Stored data entries:
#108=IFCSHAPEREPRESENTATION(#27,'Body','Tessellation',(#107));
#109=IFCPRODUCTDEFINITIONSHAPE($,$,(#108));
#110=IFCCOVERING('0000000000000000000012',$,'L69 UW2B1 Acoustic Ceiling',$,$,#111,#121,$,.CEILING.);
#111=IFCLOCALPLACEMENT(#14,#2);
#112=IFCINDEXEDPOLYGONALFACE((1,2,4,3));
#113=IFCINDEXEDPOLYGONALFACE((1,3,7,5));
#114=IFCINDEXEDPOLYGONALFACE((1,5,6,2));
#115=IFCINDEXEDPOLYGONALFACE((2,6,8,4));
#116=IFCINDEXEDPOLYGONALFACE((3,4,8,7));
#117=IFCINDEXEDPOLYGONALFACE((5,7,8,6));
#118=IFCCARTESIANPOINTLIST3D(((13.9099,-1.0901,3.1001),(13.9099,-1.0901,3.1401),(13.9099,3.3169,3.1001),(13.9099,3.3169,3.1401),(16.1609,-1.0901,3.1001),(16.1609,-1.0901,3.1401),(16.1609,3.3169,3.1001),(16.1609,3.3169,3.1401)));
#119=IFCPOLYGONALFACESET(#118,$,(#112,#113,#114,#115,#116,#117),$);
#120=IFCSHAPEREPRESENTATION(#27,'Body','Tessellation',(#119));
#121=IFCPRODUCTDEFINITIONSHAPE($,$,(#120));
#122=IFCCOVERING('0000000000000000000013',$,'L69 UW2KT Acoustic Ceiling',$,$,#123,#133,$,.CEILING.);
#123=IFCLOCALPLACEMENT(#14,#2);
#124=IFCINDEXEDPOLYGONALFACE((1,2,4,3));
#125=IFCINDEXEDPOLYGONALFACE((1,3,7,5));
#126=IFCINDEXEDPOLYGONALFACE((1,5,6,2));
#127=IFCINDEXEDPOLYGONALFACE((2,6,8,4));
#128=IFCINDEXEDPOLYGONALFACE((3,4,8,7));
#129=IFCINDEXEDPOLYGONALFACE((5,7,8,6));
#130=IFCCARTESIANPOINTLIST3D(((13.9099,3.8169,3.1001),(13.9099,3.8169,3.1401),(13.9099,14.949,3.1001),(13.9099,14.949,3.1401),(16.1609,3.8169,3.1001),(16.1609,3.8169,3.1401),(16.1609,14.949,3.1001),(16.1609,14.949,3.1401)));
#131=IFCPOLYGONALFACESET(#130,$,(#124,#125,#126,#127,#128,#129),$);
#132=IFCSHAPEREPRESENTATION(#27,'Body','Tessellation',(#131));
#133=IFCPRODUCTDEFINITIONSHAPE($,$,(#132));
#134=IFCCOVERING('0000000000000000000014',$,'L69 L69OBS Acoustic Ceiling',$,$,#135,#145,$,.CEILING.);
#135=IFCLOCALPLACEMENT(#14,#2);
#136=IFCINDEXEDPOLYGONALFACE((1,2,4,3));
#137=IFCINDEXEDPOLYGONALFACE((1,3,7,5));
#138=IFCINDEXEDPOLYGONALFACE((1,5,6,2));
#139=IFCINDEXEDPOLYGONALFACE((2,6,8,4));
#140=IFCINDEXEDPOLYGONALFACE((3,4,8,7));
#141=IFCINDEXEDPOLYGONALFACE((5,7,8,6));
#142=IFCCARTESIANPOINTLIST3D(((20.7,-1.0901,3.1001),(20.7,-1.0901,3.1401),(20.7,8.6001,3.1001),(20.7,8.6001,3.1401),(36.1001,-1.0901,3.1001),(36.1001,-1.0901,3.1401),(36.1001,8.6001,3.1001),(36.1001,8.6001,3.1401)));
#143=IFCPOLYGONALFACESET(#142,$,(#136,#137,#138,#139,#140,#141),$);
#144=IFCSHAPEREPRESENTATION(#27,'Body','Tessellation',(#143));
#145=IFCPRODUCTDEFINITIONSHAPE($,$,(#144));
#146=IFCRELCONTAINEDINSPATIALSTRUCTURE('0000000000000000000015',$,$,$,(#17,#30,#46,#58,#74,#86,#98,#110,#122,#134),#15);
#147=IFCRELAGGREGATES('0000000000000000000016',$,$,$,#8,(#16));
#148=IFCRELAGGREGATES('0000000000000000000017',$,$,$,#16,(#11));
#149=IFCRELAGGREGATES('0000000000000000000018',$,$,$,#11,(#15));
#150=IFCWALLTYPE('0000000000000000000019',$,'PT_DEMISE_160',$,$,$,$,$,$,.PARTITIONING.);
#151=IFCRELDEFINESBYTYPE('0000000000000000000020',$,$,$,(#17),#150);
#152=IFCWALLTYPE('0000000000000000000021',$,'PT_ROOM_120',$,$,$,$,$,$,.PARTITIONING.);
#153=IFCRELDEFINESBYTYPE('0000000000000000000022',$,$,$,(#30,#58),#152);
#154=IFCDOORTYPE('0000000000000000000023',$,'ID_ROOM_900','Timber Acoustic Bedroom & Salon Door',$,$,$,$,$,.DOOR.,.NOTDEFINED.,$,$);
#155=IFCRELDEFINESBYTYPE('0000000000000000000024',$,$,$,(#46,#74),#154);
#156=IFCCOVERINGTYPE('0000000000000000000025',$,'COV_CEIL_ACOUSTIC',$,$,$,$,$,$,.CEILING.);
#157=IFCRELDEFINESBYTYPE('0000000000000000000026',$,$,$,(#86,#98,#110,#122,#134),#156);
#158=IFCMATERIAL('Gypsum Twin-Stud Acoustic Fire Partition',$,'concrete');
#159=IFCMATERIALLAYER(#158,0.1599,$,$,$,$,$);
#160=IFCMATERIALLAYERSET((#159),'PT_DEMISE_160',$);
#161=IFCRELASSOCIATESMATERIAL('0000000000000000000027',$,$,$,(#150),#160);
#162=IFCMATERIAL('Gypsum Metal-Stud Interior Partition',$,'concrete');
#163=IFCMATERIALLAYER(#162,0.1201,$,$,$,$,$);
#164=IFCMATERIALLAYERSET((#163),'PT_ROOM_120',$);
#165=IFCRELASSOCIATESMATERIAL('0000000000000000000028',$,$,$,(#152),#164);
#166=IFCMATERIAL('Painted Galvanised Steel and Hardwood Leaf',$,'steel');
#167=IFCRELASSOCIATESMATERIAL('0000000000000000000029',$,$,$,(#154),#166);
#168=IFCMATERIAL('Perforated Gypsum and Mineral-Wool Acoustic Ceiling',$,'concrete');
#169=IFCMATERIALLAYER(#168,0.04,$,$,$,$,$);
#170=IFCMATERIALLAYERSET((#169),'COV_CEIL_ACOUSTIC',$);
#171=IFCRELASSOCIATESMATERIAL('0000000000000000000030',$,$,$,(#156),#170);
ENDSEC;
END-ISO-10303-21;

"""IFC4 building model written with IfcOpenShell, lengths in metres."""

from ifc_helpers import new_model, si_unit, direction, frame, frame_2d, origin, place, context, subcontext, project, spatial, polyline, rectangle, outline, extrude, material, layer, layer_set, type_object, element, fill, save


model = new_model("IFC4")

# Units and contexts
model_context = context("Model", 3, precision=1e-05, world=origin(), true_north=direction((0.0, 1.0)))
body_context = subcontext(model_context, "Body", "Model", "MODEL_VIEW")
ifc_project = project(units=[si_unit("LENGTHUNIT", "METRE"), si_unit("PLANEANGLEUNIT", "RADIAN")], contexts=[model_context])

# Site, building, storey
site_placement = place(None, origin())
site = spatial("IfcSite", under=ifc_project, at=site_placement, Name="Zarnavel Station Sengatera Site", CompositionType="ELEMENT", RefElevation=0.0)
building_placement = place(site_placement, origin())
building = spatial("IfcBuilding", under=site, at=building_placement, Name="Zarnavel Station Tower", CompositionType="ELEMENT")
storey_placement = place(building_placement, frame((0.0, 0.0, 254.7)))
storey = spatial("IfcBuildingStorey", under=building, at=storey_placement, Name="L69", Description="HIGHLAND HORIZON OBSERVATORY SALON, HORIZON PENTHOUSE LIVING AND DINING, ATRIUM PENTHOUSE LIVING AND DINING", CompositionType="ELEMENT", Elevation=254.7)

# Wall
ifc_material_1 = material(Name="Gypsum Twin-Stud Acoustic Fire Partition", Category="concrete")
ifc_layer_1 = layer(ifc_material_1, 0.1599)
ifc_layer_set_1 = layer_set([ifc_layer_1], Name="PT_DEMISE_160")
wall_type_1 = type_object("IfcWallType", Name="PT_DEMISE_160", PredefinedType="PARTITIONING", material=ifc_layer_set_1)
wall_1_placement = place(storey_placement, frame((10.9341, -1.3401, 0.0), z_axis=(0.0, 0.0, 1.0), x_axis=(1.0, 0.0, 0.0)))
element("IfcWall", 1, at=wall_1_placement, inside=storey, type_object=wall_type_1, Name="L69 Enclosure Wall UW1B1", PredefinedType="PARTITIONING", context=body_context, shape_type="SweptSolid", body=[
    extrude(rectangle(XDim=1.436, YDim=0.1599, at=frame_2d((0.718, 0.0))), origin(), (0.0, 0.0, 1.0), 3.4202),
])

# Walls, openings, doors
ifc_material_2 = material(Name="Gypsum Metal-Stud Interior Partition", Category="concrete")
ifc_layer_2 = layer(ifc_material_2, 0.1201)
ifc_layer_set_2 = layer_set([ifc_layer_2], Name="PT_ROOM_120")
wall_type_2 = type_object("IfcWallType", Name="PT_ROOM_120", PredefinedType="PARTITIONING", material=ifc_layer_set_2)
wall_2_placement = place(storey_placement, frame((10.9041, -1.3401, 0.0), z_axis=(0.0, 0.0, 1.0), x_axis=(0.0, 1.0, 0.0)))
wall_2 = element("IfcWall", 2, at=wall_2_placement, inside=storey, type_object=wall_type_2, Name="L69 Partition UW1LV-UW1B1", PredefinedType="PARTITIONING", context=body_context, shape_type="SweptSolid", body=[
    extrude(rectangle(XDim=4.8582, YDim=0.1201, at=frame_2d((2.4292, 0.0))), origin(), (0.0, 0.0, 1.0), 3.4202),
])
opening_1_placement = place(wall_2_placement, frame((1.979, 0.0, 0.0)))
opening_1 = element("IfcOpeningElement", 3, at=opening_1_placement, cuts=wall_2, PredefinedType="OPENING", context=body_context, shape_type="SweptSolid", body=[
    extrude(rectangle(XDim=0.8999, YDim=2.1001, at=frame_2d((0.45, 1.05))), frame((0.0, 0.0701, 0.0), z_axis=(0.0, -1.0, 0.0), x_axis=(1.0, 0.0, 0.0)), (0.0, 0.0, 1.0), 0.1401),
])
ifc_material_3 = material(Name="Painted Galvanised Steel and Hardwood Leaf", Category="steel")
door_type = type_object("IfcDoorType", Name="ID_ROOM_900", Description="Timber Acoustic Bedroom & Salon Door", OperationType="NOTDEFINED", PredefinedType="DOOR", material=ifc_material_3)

AIM OF THE EXERCISE =
Each line containing the word "NOTDEFINED" needs to be copied from the data above.

RESPONSE AREA =
#154=IFCDOORTYPE('0000000000000000000023',$,'ID_ROOM_900','Timber Acoustic Bedroom & Salon Door',$,$,$,$,$,.DOOR.,.NOTDEFINED.,$,$);
door_type = type_object("IfcDoorType", Name="ID_ROOM_900", Description="Timber Acoustic Bedroom & Salon Door", OperationType="NOTDEFINED", PredefinedType="DOOR", material=ifc_material_3)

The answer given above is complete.